--- WHAT IS REQUIRED ---
Would you output the entries below only from the line containing "Vitreous WC Pan',$,$,$,$,$,$,.TOILETPAN.);" through the line containing "#177=IFCRELAGGREGATES('0000000000000000000010',$,$,$,#11,(#15));", exactly as they stand and with both ends included?

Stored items
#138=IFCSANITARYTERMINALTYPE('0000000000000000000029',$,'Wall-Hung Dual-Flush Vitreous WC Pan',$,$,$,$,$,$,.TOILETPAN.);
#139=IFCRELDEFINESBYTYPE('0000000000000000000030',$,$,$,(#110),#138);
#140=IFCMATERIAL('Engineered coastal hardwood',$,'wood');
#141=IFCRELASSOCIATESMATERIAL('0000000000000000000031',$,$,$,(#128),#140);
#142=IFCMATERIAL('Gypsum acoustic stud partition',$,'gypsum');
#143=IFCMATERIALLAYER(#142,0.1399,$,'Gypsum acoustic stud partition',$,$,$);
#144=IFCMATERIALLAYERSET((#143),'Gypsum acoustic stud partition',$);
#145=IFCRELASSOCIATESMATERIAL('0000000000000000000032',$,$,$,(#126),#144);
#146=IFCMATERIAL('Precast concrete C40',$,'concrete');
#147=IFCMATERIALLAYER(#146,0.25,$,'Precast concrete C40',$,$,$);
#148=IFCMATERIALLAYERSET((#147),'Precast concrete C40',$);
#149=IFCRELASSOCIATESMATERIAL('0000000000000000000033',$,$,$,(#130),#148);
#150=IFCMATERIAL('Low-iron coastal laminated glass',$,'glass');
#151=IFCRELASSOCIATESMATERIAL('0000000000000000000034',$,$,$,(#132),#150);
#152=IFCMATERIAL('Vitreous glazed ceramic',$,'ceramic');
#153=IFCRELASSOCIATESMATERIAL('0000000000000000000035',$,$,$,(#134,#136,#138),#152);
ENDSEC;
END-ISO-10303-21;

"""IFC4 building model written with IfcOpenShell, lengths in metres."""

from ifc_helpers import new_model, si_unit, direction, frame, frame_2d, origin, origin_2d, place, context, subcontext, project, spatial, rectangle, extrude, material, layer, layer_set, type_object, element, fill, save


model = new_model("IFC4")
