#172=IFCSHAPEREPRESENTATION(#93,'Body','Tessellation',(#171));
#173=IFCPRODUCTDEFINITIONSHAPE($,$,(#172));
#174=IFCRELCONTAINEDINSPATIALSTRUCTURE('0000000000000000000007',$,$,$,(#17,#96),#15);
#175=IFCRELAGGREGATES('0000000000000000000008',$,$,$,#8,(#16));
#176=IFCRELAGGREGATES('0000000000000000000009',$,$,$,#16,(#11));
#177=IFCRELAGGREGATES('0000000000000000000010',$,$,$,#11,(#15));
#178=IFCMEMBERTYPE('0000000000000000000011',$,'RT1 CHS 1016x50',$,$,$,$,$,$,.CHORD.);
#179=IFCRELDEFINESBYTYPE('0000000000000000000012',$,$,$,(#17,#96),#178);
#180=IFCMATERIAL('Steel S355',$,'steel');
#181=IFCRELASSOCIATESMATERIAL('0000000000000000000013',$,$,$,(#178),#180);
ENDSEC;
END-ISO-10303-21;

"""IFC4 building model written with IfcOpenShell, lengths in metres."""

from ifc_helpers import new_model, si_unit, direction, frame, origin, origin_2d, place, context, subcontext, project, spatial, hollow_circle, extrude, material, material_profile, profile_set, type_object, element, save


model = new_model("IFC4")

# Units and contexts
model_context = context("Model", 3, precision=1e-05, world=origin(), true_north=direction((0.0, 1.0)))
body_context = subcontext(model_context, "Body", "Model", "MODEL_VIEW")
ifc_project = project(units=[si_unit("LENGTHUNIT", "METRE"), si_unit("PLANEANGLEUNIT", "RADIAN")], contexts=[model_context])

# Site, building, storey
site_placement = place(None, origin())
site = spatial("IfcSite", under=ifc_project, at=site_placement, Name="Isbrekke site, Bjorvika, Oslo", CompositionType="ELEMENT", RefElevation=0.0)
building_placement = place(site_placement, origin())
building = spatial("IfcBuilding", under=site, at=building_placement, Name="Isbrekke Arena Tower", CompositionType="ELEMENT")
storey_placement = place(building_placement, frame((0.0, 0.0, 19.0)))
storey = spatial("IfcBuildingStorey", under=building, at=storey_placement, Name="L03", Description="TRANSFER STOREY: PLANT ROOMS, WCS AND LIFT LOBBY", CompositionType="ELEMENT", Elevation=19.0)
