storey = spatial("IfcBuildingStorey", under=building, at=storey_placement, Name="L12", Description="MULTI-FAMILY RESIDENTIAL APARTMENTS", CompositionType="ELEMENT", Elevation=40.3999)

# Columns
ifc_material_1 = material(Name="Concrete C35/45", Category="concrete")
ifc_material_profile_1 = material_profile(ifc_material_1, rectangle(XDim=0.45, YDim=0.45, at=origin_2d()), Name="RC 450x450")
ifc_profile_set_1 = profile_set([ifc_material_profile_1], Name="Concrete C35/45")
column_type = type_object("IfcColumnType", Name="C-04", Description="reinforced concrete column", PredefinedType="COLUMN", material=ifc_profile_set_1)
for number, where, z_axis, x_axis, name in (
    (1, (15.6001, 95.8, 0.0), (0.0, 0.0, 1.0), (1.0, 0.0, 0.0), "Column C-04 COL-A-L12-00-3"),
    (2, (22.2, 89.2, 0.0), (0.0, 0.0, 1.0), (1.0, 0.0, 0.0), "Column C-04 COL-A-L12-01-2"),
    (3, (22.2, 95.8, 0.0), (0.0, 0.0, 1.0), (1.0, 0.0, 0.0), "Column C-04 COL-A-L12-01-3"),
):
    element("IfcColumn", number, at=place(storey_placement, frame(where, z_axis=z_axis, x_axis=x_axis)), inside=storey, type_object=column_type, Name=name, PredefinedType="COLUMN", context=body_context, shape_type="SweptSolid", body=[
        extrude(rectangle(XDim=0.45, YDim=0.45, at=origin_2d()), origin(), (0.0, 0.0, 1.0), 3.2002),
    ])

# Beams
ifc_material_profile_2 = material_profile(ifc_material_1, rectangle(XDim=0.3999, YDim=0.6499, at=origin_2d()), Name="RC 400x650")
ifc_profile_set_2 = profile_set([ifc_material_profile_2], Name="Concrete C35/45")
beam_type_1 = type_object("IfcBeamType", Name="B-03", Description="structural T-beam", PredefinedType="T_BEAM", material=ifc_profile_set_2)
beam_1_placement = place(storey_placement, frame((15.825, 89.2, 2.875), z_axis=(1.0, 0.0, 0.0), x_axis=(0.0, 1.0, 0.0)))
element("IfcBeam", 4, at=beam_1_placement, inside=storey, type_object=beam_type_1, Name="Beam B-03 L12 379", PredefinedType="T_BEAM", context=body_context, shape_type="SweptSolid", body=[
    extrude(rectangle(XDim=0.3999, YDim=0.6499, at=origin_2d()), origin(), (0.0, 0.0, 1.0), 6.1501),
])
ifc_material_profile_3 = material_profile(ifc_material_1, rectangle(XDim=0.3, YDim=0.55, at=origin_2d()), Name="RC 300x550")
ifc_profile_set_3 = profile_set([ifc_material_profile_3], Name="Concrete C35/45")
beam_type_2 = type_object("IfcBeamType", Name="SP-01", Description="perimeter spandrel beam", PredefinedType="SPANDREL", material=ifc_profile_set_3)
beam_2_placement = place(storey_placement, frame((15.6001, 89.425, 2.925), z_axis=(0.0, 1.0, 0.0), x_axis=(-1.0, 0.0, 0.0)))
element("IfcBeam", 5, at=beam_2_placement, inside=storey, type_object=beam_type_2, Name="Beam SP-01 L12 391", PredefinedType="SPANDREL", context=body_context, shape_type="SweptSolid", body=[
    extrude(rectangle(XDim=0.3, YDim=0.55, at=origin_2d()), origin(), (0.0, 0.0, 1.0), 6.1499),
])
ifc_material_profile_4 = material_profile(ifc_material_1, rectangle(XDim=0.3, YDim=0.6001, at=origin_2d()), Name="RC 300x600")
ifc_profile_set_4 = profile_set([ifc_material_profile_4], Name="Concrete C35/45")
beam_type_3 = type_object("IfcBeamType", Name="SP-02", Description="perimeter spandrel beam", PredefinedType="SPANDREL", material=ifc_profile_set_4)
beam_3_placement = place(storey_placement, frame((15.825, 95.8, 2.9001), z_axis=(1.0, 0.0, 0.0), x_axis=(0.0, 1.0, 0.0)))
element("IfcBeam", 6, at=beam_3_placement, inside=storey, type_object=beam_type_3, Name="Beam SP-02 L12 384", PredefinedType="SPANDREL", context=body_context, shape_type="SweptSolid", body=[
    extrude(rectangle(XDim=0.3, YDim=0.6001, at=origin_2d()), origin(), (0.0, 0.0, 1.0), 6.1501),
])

---

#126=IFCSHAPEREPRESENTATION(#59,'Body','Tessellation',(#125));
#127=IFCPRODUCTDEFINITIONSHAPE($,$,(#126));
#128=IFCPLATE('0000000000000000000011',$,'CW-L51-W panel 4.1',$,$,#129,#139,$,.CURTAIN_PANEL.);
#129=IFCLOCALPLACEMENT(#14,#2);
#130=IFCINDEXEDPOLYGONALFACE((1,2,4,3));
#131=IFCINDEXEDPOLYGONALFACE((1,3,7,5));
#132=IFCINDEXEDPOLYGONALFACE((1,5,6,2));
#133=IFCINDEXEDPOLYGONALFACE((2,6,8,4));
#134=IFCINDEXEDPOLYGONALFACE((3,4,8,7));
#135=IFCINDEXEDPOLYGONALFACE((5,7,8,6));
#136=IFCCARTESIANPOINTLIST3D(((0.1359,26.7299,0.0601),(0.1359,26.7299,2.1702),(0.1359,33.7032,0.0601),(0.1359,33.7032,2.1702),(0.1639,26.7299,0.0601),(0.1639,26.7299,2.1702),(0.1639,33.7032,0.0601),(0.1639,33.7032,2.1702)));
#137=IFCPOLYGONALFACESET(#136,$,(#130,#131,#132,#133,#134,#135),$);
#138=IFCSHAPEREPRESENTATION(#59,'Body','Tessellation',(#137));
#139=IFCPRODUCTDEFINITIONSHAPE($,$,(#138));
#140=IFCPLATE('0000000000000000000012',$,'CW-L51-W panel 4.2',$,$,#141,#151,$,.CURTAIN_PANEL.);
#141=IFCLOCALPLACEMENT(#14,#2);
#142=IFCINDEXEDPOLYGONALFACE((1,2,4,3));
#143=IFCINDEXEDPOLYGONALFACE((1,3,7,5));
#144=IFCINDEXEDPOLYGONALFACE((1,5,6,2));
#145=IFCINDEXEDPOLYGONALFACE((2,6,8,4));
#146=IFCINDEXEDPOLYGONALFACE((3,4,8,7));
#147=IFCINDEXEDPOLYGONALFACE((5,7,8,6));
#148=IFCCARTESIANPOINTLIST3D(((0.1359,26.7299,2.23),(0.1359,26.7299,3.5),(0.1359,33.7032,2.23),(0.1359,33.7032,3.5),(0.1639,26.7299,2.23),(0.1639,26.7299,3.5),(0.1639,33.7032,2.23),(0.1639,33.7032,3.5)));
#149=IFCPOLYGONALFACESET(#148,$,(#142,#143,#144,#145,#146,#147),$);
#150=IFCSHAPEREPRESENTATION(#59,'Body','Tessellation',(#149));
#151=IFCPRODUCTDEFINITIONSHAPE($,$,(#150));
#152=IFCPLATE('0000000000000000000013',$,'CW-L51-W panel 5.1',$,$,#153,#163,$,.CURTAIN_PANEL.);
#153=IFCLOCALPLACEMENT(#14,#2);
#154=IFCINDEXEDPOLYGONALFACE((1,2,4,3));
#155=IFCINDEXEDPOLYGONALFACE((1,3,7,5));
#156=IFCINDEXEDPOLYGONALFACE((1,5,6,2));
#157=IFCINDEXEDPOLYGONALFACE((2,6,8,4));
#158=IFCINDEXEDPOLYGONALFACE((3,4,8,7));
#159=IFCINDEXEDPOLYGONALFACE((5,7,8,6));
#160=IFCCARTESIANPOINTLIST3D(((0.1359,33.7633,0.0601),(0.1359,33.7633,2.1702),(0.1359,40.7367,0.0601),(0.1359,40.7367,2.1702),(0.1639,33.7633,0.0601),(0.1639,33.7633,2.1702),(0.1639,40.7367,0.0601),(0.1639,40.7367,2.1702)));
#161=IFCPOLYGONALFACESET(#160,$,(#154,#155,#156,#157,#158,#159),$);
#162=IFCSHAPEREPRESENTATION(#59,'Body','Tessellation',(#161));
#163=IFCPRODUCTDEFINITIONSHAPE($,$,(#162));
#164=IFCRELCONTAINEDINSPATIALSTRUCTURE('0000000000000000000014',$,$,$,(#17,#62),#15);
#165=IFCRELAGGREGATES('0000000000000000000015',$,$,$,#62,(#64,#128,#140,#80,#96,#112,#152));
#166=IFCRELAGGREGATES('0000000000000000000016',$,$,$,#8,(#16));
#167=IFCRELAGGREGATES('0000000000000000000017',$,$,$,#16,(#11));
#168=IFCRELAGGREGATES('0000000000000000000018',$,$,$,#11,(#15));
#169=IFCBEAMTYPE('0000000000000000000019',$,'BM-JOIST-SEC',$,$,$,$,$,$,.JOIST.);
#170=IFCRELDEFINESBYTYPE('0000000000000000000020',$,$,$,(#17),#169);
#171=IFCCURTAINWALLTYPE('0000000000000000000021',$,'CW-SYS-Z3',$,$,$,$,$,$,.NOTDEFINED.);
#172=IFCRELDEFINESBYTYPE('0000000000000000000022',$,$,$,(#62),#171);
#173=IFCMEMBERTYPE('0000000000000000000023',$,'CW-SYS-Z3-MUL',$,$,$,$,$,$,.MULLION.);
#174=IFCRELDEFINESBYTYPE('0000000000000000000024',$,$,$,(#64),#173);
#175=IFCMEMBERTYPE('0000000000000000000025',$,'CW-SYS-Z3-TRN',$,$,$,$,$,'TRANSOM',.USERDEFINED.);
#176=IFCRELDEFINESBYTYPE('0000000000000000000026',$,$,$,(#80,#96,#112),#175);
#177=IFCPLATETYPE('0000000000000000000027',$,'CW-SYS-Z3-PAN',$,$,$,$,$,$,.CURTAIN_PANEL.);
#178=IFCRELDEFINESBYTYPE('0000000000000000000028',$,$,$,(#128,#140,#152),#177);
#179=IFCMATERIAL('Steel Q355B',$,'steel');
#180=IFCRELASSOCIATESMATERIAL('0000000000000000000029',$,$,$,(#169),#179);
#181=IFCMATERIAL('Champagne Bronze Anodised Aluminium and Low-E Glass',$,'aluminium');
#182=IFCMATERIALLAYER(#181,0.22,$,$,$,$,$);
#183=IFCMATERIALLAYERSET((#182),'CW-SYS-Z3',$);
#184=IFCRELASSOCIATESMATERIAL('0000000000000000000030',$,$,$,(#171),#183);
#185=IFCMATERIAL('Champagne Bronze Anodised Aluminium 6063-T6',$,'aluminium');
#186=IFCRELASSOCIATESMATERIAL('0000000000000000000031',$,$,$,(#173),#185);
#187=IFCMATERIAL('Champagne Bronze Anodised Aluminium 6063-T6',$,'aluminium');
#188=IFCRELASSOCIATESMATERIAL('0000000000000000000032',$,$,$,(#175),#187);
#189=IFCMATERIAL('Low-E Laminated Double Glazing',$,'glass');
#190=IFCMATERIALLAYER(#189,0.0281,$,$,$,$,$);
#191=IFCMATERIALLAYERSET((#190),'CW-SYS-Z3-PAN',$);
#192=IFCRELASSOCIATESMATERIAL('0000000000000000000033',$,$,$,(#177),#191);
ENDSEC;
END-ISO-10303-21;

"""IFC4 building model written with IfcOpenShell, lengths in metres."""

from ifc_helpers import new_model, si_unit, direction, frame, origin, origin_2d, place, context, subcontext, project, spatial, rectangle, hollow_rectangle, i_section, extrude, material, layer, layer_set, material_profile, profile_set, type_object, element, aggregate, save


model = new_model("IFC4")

...

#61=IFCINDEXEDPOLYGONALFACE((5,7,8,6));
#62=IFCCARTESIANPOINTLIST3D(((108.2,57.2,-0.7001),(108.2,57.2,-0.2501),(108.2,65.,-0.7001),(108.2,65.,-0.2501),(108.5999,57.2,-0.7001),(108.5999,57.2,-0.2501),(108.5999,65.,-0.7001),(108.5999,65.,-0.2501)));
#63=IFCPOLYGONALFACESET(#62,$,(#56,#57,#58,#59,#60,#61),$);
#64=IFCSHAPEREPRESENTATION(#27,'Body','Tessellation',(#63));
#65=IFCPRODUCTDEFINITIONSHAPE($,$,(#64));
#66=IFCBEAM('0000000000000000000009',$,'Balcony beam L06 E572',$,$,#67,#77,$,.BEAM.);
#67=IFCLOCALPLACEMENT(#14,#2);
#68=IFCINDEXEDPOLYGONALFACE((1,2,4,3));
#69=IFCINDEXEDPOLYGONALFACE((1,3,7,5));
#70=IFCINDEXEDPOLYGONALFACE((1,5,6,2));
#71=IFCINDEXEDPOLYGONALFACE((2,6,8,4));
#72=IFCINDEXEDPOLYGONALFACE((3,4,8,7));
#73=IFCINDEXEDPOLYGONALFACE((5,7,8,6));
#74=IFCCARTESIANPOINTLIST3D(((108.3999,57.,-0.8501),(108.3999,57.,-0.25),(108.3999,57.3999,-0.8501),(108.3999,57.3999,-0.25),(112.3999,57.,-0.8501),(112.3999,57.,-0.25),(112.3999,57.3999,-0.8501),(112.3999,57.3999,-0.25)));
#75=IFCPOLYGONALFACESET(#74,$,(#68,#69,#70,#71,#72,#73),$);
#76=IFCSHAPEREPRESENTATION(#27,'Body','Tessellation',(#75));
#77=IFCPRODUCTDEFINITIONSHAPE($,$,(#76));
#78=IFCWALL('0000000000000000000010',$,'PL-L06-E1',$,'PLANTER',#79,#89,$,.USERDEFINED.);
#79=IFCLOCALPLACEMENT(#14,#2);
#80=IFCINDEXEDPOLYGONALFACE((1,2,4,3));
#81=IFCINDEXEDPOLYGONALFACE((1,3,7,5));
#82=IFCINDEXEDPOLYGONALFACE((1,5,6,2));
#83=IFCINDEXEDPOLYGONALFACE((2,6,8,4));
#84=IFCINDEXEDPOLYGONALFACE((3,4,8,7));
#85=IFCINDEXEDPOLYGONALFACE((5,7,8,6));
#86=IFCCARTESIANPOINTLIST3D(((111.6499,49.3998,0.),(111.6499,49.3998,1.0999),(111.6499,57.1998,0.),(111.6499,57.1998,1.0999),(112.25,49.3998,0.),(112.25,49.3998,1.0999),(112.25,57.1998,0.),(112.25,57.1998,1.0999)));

--- SOLUTION BELOW ---
#138=IFCSANITARYTERMINALTYPE('0000000000000000000029',$,'Wall-Hung Dual-Flush Vitreous WC Pan',$,$,$,$,$,$,.TOILETPAN.);
#139=IFCRELDEFINESBYTYPE('0000000000000000000030',$,$,$,(#110),#138);
#140=IFCMATERIAL('Engineered coastal hardwood',$,'wood');
#141=IFCRELASSOCIATESMATERIAL('0000000000000000000031',$,$,$,(#128),#140);
#142=IFCMATERIAL('Gypsum acoustic stud partition',$,'gypsum');
#143=IFCMATERIALLAYER(#142,0.1399,$,'Gypsum acoustic stud partition',$,$,$);
#144=IFCMATERIALLAYERSET((#143),'Gypsum acoustic stud partition',$);
#145=IFCRELASSOCIATESMATERIAL('0000000000000000000032',$,$,$,(#126),#144);
#146=IFCMATERIAL('Precast concrete C40',$,'concrete');
#147=IFCMATERIALLAYER(#146,0.25,$,'Precast concrete C40',$,$,$);
#148=IFCMATERIALLAYERSET((#147),'Precast concrete C40',$);
#149=IFCRELASSOCIATESMATERIAL('0000000000000000000033',$,$,$,(#130),#148);
#150=IFCMATERIAL('Low-iron coastal laminated glass',$,'glass');
#151=IFCRELASSOCIATESMATERIAL('0000000000000000000034',$,$,$,(#132),#150);
#152=IFCMATERIAL('Vitreous glazed ceramic',$,'ceramic');
#153=IFCRELASSOCIATESMATERIAL('0000000000000000000035',$,$,$,(#134,#136,#138),#152);
ENDSEC;
END-ISO-10303-21;

"""IFC4 building model written with IfcOpenShell, lengths in metres."""

from ifc_helpers import new_model, si_unit, direction, frame, frame_2d, origin, origin_2d, place, context, subcontext, project, spatial, rectangle, extrude, material, layer, layer_set, type_object, element, fill, save


model = new_model("IFC4")
#172=IFCSHAPEREPRESENTATION(#93,'Body','Tessellation',(#171));
#173=IFCPRODUCTDEFINITIONSHAPE($,$,(#172));
#174=IFCRELCONTAINEDINSPATIALSTRUCTURE('0000000000000000000007',$,$,$,(#17,#96),#15);
#175=IFCRELAGGREGATES('0000000000000000000008',$,$,$,#8,(#16));
#176=IFCRELAGGREGATES('0000000000000000000009',$,$,$,#16,(#11));
#177=IFCRELAGGREGATES('0000000000000000000010',$,$,$,#11,(#15));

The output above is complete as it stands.